Segment Open

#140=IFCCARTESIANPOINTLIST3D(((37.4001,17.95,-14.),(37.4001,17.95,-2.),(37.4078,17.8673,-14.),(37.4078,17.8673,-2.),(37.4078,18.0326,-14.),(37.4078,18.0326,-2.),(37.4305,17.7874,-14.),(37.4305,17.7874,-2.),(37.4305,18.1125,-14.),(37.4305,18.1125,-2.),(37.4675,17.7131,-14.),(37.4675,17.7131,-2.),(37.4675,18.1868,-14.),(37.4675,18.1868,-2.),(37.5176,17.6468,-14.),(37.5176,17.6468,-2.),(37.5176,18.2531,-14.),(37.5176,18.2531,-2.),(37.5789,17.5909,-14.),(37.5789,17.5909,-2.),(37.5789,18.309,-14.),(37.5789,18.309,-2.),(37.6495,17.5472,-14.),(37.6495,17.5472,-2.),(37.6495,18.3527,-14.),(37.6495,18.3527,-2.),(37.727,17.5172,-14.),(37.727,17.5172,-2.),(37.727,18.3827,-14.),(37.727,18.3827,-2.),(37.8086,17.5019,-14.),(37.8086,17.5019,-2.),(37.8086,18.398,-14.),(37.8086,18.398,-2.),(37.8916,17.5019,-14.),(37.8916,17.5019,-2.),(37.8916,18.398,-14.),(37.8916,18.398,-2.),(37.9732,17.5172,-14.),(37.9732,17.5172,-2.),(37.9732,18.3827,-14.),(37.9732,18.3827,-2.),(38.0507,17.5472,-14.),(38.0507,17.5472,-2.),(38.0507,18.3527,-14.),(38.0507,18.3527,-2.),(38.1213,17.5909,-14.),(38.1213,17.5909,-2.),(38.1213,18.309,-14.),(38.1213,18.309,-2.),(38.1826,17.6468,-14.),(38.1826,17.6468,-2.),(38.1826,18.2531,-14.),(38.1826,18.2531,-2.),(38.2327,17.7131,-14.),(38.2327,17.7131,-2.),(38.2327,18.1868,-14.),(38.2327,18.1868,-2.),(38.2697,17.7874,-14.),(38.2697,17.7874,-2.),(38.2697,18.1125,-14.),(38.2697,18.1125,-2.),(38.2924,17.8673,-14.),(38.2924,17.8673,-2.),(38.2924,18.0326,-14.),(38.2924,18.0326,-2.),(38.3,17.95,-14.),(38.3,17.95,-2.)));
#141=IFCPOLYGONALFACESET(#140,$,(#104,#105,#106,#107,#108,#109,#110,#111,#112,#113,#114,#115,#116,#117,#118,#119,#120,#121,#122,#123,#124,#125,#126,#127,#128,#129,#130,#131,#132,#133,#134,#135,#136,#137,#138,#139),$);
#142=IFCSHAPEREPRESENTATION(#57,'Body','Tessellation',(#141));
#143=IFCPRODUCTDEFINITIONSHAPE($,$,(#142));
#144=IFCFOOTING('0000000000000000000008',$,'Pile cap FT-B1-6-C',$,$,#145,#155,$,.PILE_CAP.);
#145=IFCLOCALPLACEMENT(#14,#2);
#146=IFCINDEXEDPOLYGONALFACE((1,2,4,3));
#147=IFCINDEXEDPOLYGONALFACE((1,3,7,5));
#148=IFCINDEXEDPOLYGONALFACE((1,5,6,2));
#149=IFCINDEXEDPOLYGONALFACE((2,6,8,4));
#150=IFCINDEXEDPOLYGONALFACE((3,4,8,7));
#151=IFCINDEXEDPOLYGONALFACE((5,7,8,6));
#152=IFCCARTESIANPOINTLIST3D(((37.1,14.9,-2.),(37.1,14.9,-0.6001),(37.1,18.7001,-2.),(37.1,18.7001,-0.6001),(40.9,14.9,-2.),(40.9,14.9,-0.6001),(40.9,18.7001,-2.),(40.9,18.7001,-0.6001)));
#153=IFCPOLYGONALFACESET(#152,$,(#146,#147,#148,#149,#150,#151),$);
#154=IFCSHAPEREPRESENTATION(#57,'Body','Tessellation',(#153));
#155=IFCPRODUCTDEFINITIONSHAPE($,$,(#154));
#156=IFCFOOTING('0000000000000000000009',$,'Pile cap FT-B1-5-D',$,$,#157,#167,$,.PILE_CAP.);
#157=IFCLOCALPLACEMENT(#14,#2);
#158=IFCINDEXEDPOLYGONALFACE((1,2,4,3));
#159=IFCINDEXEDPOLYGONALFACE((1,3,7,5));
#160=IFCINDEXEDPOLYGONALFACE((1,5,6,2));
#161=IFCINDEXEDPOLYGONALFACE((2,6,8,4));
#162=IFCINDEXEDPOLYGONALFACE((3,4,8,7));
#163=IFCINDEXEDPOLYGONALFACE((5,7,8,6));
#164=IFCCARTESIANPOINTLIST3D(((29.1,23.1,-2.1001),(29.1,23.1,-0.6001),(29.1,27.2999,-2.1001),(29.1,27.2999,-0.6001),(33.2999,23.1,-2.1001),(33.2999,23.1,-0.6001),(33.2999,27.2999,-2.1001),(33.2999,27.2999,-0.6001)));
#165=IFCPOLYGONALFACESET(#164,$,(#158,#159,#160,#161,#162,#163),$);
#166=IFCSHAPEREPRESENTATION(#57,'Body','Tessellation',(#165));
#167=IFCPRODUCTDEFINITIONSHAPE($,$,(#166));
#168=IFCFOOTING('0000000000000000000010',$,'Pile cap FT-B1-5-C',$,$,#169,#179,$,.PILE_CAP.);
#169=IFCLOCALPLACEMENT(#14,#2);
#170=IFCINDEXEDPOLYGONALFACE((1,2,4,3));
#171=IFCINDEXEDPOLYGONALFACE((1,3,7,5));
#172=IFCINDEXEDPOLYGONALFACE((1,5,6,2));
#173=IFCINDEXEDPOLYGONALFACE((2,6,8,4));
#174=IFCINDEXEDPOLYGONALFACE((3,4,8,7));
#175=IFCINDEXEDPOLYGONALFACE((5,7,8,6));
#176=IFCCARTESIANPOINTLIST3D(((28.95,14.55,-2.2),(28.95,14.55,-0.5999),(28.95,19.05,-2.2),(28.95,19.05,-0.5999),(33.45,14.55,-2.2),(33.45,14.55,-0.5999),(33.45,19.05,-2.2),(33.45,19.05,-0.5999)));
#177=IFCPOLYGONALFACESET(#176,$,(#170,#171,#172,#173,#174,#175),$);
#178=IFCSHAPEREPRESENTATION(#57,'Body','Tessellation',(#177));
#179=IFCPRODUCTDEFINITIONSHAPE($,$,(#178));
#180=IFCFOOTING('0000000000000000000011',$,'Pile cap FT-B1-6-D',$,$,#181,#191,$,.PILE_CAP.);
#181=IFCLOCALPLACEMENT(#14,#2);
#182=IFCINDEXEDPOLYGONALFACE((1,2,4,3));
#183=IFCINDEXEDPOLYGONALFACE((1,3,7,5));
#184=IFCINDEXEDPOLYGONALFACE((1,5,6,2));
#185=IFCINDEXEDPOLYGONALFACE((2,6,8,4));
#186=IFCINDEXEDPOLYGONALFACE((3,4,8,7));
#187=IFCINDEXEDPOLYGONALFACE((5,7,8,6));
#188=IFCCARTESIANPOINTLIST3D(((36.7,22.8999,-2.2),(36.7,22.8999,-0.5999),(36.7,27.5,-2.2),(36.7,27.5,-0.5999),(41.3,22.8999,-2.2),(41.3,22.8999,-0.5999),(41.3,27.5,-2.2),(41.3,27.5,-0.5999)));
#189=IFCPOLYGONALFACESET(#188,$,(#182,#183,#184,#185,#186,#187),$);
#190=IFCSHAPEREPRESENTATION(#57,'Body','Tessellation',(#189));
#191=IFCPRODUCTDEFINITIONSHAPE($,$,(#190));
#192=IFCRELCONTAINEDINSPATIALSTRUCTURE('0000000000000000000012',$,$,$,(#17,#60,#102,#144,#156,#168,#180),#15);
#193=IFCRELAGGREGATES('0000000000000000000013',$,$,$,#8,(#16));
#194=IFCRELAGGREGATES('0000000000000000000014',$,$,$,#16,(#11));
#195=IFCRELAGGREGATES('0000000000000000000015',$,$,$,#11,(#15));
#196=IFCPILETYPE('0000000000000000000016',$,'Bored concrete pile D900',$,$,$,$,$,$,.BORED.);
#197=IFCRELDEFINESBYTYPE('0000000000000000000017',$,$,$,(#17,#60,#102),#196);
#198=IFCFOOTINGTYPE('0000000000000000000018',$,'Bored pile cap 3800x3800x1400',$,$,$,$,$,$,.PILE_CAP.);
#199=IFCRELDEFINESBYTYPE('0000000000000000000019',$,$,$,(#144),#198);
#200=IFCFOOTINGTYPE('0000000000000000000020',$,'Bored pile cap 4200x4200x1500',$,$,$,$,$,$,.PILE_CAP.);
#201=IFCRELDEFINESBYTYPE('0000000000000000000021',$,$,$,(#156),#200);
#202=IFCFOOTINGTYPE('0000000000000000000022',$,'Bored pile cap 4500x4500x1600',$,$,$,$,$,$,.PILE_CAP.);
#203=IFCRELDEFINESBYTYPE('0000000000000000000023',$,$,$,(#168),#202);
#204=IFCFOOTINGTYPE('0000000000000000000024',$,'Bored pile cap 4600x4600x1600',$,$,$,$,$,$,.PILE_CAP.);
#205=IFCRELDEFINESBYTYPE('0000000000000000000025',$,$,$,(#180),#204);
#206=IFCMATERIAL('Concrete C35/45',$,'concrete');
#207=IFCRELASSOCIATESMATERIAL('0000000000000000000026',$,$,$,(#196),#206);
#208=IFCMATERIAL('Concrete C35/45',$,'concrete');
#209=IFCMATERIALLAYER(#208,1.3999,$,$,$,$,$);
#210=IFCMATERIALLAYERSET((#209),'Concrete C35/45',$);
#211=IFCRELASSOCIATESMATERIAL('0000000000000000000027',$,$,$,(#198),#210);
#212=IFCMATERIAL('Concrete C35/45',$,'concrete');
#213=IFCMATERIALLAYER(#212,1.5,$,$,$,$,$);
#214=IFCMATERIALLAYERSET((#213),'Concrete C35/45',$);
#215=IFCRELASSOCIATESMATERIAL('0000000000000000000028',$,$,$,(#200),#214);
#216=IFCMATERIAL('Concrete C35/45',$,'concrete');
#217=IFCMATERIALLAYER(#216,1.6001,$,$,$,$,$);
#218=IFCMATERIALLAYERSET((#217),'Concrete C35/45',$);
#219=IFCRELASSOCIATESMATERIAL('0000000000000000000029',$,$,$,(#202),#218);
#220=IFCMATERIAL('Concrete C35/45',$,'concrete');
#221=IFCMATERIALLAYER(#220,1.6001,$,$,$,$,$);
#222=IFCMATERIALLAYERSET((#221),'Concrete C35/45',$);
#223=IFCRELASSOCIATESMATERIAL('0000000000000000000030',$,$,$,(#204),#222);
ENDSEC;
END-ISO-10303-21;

Segment Closed

### Directions for this task
Taking every line of the records in turn, count the ones holding "IFCPOLYGONALFACESET", and state nothing but the number.

### Exercise response
5